→ **TASK OBJECTIVE**
Every line below that has "IFCPRODUCTDEFINITIONSHAPE" in it should be copied.

Stored data:
□ □ □ □ □ □ □
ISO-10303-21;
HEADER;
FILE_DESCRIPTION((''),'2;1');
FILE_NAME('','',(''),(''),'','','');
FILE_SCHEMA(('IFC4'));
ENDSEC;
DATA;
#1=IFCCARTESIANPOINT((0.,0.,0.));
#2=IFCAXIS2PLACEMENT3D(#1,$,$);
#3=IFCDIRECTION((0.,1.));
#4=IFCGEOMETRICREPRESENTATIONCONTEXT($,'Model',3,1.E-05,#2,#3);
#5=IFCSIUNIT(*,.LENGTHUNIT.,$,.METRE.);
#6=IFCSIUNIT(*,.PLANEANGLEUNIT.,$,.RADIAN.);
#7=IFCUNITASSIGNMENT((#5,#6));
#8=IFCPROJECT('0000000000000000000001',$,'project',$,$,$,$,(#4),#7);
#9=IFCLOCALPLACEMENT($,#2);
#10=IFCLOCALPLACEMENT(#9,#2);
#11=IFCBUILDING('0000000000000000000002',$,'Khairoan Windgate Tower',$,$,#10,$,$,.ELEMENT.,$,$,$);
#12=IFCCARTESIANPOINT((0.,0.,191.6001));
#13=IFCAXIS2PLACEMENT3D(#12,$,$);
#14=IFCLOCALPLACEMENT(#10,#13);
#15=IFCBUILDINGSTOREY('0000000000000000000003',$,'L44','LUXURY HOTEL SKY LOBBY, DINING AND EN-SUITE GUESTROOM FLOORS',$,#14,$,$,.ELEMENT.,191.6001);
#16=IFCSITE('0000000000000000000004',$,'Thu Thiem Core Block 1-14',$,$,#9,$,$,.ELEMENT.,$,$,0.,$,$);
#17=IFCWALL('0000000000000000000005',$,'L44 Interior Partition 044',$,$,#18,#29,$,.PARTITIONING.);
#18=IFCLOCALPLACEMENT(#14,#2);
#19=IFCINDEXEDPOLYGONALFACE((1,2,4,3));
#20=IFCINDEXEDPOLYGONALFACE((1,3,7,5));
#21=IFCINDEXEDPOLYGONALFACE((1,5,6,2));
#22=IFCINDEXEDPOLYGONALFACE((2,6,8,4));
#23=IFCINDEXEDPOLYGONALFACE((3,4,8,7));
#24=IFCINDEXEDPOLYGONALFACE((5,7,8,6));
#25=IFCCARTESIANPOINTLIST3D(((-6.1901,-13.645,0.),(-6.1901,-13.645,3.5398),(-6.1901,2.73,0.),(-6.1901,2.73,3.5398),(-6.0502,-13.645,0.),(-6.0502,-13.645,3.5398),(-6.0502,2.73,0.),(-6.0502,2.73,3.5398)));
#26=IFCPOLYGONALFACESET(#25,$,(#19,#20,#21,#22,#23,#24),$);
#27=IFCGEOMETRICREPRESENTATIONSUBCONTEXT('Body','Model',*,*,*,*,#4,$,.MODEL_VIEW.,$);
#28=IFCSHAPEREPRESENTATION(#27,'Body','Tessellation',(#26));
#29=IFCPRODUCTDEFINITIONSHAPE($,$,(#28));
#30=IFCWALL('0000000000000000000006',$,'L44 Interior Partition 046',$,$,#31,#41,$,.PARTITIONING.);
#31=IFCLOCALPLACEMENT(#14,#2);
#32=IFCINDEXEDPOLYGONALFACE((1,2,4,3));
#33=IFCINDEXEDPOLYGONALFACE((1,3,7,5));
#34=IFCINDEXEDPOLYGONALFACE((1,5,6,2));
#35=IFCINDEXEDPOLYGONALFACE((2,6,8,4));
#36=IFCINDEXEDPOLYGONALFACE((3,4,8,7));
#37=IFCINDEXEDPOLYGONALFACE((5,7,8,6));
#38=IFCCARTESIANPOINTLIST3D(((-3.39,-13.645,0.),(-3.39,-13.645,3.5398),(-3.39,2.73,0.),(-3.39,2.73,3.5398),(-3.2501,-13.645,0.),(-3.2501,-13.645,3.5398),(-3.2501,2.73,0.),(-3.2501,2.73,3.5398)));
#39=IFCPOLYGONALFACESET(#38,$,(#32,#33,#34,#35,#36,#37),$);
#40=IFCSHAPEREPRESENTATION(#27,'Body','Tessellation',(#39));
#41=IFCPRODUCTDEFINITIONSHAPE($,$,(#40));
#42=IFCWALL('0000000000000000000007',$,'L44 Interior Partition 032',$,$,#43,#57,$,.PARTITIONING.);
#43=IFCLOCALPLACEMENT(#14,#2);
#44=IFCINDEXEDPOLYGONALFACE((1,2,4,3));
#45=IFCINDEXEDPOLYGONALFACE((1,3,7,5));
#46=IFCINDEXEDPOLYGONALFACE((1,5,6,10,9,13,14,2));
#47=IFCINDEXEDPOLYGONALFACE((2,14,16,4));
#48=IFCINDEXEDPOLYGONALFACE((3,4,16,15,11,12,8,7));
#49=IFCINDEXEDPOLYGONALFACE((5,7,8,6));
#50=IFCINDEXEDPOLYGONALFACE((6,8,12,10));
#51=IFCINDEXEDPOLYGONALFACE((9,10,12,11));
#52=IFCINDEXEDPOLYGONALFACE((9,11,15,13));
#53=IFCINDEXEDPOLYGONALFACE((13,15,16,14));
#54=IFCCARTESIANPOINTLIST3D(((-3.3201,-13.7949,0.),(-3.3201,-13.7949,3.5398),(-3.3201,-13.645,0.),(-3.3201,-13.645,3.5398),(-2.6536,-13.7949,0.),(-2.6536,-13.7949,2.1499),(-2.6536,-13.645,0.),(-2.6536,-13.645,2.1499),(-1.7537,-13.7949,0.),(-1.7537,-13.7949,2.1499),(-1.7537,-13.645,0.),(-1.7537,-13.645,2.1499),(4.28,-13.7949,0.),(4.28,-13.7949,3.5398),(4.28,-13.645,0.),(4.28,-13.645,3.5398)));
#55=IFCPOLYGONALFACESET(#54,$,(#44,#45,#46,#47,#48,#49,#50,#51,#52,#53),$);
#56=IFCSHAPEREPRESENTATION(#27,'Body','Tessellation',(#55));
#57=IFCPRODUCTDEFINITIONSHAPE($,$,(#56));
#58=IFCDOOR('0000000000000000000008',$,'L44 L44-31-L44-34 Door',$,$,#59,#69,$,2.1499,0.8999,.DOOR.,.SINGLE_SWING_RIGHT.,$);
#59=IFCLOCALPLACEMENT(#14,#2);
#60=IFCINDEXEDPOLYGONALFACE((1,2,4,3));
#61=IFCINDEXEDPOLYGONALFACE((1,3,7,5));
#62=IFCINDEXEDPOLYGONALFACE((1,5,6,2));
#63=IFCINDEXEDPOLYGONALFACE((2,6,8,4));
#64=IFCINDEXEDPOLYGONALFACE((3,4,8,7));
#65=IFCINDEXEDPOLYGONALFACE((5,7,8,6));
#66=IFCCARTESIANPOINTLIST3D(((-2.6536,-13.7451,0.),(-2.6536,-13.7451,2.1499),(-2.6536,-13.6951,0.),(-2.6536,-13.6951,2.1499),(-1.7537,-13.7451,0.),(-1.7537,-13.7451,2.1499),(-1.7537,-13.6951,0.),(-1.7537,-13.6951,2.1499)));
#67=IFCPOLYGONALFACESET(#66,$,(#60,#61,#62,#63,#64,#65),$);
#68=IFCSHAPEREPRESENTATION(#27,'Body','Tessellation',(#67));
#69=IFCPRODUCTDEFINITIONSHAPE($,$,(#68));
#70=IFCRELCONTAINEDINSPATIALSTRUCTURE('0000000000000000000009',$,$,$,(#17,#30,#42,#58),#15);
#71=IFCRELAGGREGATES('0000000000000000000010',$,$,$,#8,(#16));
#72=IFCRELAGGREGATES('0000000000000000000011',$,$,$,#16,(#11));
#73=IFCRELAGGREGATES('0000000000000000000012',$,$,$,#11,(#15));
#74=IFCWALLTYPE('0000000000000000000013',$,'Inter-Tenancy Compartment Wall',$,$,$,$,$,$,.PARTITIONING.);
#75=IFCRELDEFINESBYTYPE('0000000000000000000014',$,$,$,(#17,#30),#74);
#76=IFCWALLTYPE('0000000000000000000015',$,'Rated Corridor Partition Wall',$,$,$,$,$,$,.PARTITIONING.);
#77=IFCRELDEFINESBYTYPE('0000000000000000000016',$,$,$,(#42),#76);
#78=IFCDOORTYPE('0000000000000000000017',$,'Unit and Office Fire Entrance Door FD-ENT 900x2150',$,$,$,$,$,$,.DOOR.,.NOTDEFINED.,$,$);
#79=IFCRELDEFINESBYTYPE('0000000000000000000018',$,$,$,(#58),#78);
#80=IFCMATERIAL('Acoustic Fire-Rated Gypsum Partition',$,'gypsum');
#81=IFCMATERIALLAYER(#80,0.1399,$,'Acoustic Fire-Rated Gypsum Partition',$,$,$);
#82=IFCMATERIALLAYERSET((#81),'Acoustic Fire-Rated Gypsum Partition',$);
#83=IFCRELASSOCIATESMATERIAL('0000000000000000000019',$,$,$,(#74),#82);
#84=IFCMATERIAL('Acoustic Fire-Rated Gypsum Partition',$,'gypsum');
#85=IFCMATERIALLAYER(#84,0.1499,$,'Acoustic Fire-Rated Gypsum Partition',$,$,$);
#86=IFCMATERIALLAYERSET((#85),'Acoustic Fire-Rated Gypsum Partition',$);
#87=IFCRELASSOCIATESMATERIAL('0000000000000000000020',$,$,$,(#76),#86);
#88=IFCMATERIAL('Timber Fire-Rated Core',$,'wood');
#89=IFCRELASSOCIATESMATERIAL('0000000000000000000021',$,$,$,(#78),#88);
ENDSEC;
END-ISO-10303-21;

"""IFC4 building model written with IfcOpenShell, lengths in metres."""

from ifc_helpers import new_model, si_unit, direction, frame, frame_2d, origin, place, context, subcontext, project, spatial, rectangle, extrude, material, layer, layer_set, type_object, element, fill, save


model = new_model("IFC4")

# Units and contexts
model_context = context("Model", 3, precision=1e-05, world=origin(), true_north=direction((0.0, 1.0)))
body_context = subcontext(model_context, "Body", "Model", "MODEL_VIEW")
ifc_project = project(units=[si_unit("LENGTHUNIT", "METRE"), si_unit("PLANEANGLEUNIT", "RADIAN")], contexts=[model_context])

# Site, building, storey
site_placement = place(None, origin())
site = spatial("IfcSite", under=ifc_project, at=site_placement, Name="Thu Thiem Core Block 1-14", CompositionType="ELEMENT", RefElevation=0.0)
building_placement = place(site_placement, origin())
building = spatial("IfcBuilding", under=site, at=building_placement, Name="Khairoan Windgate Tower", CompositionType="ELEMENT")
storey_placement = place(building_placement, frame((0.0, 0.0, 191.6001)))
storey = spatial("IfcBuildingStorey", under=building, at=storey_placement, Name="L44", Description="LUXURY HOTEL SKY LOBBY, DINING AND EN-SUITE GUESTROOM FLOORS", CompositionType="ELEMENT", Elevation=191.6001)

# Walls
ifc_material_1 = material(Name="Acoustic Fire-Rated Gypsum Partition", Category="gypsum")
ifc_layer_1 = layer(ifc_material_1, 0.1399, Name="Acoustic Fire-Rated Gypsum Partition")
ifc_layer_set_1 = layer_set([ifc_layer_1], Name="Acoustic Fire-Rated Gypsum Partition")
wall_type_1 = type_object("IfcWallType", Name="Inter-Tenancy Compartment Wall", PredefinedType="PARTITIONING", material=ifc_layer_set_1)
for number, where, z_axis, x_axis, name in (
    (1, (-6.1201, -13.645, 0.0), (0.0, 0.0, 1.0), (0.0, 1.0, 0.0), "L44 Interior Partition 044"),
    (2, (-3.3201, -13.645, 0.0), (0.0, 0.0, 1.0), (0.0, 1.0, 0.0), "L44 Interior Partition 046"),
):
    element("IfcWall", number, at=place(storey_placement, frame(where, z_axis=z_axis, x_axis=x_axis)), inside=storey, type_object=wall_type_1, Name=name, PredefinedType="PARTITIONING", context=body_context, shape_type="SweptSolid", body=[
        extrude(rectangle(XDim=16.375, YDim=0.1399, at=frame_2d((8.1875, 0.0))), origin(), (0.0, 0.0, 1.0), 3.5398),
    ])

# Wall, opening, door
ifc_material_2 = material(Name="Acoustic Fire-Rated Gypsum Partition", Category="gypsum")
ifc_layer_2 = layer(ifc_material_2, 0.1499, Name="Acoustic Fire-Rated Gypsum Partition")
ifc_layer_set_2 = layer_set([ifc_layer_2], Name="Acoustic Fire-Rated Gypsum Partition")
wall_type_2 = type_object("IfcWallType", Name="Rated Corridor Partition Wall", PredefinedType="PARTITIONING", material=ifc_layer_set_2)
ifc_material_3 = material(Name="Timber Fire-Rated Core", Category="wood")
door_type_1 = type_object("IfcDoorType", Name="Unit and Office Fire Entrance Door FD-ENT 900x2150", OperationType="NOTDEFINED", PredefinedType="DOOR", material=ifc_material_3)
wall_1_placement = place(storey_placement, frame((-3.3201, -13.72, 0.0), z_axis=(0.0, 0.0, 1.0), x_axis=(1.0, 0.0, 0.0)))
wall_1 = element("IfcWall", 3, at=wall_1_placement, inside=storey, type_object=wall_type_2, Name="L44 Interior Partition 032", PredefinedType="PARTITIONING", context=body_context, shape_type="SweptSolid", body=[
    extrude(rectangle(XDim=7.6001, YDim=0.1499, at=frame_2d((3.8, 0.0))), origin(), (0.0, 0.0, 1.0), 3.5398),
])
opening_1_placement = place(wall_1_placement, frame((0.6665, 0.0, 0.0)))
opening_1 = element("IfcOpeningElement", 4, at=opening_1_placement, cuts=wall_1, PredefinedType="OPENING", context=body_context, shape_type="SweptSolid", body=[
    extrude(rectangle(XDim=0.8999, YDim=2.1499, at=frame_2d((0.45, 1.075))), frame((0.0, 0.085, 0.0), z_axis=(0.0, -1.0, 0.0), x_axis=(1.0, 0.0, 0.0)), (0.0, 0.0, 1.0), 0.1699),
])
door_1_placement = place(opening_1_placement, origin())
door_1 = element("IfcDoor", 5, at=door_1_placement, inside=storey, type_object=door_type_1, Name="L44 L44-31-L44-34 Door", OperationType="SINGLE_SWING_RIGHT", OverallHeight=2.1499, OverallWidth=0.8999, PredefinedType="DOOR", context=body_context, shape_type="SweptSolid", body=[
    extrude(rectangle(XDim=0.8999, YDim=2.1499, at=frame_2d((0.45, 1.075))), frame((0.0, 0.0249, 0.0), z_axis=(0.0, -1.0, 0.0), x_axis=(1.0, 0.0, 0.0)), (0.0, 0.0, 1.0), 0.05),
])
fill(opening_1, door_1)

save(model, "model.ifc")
□ □ □ □ □ □ □
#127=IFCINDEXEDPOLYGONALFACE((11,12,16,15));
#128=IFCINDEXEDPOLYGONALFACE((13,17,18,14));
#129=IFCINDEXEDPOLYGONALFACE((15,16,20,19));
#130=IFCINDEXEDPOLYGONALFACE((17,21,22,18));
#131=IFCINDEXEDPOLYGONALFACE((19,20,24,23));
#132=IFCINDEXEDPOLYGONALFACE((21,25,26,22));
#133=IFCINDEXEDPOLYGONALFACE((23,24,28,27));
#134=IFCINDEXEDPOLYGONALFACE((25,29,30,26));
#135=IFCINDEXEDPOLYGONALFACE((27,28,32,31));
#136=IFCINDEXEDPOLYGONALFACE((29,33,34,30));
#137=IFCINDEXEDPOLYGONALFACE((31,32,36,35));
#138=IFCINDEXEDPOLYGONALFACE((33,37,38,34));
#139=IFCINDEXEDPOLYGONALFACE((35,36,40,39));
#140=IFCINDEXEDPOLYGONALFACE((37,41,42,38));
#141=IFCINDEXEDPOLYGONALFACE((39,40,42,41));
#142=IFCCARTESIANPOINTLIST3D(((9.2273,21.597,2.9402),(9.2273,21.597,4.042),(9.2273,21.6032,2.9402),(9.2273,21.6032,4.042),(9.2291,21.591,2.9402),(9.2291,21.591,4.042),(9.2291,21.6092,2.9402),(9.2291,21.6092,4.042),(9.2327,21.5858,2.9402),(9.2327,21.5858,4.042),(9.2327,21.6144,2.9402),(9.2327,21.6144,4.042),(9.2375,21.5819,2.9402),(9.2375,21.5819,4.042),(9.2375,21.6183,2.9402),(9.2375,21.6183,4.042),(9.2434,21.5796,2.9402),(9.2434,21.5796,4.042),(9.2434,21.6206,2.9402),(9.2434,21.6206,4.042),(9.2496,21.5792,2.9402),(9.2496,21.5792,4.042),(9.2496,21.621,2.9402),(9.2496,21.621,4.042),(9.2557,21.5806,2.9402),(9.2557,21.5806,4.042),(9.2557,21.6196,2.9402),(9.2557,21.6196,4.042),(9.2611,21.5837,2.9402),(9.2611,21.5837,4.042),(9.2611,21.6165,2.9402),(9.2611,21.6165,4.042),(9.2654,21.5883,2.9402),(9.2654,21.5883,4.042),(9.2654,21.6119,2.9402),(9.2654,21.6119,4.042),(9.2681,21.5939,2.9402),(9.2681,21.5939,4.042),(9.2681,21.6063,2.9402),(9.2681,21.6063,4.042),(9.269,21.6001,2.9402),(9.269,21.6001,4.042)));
□ □ □ □ □ □ □
→ **SOLUTION TO THIS PROBLEM**
#29=IFCPRODUCTDEFINITIONSHAPE($,$,(#28));
#41=IFCPRODUCTDEFINITIONSHAPE($,$,(#40));
#57=IFCPRODUCTDEFINITIONSHAPE($,$,(#56));
#69=IFCPRODUCTDEFINITIONSHAPE($,$,(#68));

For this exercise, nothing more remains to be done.